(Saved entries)
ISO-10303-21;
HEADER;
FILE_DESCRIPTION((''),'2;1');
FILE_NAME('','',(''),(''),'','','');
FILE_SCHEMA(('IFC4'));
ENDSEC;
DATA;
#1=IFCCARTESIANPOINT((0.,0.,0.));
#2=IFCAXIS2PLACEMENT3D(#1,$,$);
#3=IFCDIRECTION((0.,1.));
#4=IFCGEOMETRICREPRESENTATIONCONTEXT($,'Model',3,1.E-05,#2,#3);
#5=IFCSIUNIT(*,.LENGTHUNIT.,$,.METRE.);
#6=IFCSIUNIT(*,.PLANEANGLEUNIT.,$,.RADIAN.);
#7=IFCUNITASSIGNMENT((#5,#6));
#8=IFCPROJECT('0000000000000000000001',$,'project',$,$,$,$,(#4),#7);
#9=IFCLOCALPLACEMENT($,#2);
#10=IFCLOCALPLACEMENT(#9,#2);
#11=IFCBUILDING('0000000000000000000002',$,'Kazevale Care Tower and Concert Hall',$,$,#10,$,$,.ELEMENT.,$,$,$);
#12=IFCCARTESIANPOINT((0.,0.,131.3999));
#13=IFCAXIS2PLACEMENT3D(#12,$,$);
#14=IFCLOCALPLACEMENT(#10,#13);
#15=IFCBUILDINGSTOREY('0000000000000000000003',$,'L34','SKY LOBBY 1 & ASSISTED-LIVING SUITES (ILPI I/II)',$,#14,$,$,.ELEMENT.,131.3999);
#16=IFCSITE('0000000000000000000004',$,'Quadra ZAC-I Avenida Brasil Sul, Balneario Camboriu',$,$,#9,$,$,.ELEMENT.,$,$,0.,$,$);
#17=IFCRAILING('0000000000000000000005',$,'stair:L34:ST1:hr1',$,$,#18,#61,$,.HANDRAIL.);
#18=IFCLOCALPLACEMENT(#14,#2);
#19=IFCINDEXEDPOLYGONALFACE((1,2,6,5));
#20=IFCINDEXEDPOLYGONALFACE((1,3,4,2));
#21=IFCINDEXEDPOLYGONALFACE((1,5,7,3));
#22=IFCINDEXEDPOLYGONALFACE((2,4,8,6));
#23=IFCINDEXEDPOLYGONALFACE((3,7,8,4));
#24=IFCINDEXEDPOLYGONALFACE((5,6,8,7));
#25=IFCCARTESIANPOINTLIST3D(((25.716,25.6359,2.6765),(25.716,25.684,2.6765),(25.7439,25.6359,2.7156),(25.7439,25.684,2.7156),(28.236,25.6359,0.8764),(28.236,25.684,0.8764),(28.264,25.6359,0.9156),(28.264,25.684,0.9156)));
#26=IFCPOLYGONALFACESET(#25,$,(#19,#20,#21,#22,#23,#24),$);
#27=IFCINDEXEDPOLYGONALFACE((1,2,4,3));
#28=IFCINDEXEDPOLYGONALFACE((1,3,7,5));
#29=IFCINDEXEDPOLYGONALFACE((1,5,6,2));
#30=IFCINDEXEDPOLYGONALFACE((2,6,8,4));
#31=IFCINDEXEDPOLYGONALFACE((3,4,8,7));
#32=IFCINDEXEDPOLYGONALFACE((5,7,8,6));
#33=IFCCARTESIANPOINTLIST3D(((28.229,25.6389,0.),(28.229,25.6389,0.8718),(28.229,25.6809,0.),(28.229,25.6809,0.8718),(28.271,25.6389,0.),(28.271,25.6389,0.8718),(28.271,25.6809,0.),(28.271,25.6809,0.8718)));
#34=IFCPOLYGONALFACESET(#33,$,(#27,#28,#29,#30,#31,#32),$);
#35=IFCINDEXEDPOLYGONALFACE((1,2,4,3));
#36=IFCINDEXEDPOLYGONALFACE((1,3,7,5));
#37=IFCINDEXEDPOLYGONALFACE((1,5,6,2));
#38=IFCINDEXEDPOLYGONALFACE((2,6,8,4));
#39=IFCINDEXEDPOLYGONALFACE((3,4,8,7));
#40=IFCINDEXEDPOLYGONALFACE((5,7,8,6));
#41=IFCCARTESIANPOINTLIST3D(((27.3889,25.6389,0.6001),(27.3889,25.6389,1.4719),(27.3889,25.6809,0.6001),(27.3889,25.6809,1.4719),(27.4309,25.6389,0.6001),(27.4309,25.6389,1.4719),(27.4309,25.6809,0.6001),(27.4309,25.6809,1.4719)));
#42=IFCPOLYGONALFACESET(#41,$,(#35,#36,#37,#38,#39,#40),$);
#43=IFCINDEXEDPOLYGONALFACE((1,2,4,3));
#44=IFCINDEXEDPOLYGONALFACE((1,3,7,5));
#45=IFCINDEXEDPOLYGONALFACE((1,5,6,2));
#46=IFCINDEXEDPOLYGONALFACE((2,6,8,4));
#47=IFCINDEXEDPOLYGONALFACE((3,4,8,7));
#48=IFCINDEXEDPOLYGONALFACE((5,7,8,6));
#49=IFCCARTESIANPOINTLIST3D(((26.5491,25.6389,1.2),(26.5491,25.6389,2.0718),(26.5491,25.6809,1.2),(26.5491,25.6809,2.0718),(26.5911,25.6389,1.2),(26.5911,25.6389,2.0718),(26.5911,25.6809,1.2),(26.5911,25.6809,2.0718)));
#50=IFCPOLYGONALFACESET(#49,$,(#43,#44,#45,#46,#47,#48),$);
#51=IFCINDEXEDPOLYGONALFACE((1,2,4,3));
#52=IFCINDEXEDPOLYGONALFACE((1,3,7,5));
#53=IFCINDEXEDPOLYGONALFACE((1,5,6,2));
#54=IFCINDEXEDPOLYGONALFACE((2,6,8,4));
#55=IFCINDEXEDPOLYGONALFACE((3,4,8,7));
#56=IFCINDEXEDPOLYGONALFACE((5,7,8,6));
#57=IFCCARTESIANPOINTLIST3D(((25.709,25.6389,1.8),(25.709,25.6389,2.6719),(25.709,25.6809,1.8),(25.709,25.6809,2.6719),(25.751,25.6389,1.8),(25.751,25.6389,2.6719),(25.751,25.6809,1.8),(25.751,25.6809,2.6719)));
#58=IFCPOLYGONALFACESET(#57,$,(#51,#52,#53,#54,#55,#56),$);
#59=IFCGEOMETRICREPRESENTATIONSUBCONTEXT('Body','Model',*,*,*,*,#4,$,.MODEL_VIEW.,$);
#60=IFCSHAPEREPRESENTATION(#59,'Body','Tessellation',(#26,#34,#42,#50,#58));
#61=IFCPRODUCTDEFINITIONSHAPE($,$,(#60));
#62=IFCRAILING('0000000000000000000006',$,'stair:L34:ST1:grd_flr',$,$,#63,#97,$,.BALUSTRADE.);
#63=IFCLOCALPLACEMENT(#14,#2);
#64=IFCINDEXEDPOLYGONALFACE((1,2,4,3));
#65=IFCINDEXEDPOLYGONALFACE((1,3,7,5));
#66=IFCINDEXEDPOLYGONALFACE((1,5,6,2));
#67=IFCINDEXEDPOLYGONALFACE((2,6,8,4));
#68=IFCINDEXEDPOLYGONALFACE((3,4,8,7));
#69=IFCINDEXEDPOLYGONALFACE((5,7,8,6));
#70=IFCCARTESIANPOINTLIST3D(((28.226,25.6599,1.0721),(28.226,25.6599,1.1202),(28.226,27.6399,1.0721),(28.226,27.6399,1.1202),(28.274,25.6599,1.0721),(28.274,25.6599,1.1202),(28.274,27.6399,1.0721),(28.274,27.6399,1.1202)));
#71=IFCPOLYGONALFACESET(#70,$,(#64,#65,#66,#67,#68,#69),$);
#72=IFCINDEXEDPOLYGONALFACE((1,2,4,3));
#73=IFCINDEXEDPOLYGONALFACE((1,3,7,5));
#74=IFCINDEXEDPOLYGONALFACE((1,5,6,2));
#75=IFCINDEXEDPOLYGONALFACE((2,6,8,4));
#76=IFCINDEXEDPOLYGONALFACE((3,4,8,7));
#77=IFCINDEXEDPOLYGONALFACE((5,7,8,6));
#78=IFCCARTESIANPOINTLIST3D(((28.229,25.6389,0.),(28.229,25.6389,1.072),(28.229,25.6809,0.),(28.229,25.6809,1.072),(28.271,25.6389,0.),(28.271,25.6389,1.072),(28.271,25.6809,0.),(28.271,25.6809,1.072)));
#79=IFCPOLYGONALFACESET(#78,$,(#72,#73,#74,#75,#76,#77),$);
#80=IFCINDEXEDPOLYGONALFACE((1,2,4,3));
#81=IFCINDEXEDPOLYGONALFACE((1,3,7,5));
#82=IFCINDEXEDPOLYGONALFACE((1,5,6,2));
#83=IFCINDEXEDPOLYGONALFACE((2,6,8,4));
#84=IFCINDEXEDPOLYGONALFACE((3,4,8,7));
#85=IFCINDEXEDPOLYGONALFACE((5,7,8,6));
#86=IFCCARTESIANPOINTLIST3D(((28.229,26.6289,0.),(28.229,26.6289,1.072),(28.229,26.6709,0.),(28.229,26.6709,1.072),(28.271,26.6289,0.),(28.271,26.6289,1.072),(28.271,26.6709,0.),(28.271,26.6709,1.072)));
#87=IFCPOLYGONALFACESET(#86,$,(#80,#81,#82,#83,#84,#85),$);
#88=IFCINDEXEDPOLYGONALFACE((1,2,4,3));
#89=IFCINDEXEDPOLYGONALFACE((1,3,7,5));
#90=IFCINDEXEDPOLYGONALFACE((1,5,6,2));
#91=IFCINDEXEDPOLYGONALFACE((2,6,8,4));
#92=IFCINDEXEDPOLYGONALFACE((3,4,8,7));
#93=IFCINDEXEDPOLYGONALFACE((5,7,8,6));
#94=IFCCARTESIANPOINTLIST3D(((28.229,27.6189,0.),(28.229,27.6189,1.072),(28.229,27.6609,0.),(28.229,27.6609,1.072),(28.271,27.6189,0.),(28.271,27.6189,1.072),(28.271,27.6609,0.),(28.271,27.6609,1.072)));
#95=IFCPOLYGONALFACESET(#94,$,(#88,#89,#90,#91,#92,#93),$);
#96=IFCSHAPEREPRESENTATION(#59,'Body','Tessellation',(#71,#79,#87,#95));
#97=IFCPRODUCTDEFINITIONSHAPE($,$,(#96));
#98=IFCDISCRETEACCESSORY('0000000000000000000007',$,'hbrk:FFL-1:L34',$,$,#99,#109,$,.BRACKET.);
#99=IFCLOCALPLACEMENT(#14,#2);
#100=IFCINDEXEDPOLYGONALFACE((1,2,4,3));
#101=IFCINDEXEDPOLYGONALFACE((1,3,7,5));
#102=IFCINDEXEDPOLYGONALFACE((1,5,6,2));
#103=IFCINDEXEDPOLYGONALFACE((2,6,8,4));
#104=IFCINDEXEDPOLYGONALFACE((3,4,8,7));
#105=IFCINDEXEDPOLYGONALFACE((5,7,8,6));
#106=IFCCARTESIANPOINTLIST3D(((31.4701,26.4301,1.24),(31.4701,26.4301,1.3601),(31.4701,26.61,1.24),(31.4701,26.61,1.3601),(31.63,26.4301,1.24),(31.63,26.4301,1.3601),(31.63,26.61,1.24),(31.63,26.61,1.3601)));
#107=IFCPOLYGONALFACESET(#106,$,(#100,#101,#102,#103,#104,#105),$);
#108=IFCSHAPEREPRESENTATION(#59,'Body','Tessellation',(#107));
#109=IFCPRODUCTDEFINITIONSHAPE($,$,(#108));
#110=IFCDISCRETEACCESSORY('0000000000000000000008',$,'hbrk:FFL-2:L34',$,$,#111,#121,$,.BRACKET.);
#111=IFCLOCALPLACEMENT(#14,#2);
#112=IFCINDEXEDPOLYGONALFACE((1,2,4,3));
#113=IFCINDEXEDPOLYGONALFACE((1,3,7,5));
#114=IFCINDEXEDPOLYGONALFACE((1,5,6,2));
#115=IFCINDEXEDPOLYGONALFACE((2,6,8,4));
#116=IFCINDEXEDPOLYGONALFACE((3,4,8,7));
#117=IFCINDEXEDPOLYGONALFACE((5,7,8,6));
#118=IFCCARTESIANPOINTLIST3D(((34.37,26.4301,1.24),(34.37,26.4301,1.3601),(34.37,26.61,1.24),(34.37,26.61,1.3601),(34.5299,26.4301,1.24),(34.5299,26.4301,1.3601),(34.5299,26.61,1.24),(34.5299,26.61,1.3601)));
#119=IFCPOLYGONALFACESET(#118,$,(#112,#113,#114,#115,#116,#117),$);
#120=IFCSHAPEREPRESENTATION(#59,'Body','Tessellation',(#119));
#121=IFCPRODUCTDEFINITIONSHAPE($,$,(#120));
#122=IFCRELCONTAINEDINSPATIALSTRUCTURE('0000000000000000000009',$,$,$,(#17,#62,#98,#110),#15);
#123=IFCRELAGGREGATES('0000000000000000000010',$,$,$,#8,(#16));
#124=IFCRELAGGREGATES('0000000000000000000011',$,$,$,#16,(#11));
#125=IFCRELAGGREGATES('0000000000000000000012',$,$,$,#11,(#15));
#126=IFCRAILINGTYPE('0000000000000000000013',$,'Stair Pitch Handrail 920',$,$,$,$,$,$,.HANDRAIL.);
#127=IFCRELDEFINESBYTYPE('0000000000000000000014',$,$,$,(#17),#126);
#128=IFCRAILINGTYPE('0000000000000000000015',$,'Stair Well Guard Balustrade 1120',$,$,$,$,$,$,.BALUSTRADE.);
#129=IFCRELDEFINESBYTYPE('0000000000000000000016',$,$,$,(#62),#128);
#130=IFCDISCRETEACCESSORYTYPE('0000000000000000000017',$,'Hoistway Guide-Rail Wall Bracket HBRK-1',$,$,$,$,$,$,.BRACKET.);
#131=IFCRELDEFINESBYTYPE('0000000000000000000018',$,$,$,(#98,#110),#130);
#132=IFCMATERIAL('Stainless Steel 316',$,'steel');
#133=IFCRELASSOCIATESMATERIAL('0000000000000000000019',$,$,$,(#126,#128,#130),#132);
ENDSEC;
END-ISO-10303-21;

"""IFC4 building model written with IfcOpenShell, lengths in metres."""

from ifc_helpers import new_model, si_unit, direction, frame, origin, origin_2d, place, context, subcontext, project, spatial, rectangle, extrude, material, type_object, element, save


model = new_model("IFC4")

# Units and contexts
model_context = context("Model", 3, precision=1e-05, world=origin(), true_north=direction((0.0, 1.0)))
body_context = subcontext(model_context, "Body", "Model", "MODEL_VIEW")
ifc_project = project(units=[si_unit("LENGTHUNIT", "METRE"), si_unit("PLANEANGLEUNIT", "RADIAN")], contexts=[model_context])

# Site, building, storey
site_placement = place(None, origin())
site = spatial("IfcSite", under=ifc_project, at=site_placement, Name="Quadra ZAC-I Avenida Brasil Sul, Balneario Camboriu", CompositionType="ELEMENT", RefElevation=0.0)
building_placement = place(site_placement, origin())
building = spatial("IfcBuilding", under=site, at=building_placement, Name="Kazevale Care Tower and Concert Hall", CompositionType="ELEMENT")
storey_placement = place(building_placement, frame((0.0, 0.0, 131.3999)))
storey = spatial("IfcBuildingStorey", under=building, at=storey_placement, Name="L34", Description="SKY LOBBY 1 & ASSISTED-LIVING SUITES (ILPI I/II)", CompositionType="ELEMENT", Elevation=131.3999)

# Shared definitions
ifc_material_1 = material(Name="Stainless Steel 316", Category="steel")

# Railings
railing_type_1 = type_object("IfcRailingType", Name="Stair Pitch Handrail 920", PredefinedType="HANDRAIL", material=ifc_material_1)
railing_1_placement = place(storey_placement, frame((28.25, 25.6599, 0.0)))
element("IfcRailing", 1, at=railing_1_placement, inside=storey, type_object=railing_type_1, Name="stair:L34:ST1:hr1", PredefinedType="HANDRAIL", context=body_context, shape_type="SweptSolid", body=[
    extrude(rectangle(XDim=0.0481, YDim=0.0481, at=origin_2d()), frame((0.0, 0.0, 0.896), z_axis=(-0.813728, 0.0, 0.581246), x_axis=(0.0, -1.0, 0.0)), (0.0, 0.0, 1.0), 3.0969),
    extrude(rectangle(XDim=0.042, YDim=0.042, at=origin_2d()), origin(), (0.0, 0.0, 1.0), 0.8718),
    extrude(rectangle(XDim=0.042, YDim=0.042, at=origin_2d()), frame((-0.8401, 0.0, 0.6001)), (0.0, 0.0, 1.0), 0.8718),
    extrude(rectangle(XDim=0.042, YDim=0.042, at=origin_2d()), frame((-1.6799, 0.0, 1.2)), (0.0, 0.0, 1.0), 0.8718),
    extrude(rectangle(XDim=0.042, YDim=0.042, at=origin_2d()), frame((-2.52, 0.0, 1.8)), (0.0, 0.0, 1.0), 0.8718),
])
railing_type_2 = type_object("IfcRailingType", Name="Stair Well Guard Balustrade 1120", PredefinedType="BALUSTRADE", material=ifc_material_1)
railing_2_placement = place(storey_placement, frame((28.25, 25.6599, 0.0)))
element("IfcRailing", 2, at=railing_2_placement, inside=storey, type_object=railing_type_2, Name="stair:L34:ST1:grd_flr", PredefinedType="BALUSTRADE", context=body_context, shape_type="SweptSolid", body=[
    extrude(rectangle(XDim=0.0481, YDim=0.0481, at=origin_2d()), frame((0.0, 0.0, 1.0962), z_axis=(0.0, 1.0, 0.0), x_axis=(-1.0, 0.0, 0.0)), (0.0, 0.0, 1.0), 1.98),
    extrude(rectangle(XDim=0.042, YDim=0.042, at=origin_2d()), origin(), (0.0, 0.0, 1.0), 1.072),
    extrude(rectangle(XDim=0.042, YDim=0.042, at=origin_2d()), frame((0.0, 0.99, 0.0)), (0.0, 0.0, 1.0), 1.072),
    extrude(rectangle(XDim=0.042, YDim=0.042, at=origin_2d()), frame((0.0, 1.98, 0.0)), (0.0, 0.0, 1.0), 1.072),
])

Task to complete
Search the entries for the word "IFCRELDEFINESBYTYPE" and copy every line that has it.

Exercise solution
#127=IFCRELDEFINESBYTYPE('0000000000000000000014',$,$,$,(#17),#126);
#129=IFCRELDEFINESBYTYPE('0000000000000000000016',$,$,$,(#62),#128);
#131=IFCRELDEFINESBYTYPE('0000000000000000000018',$,$,$,(#98,#110),#130);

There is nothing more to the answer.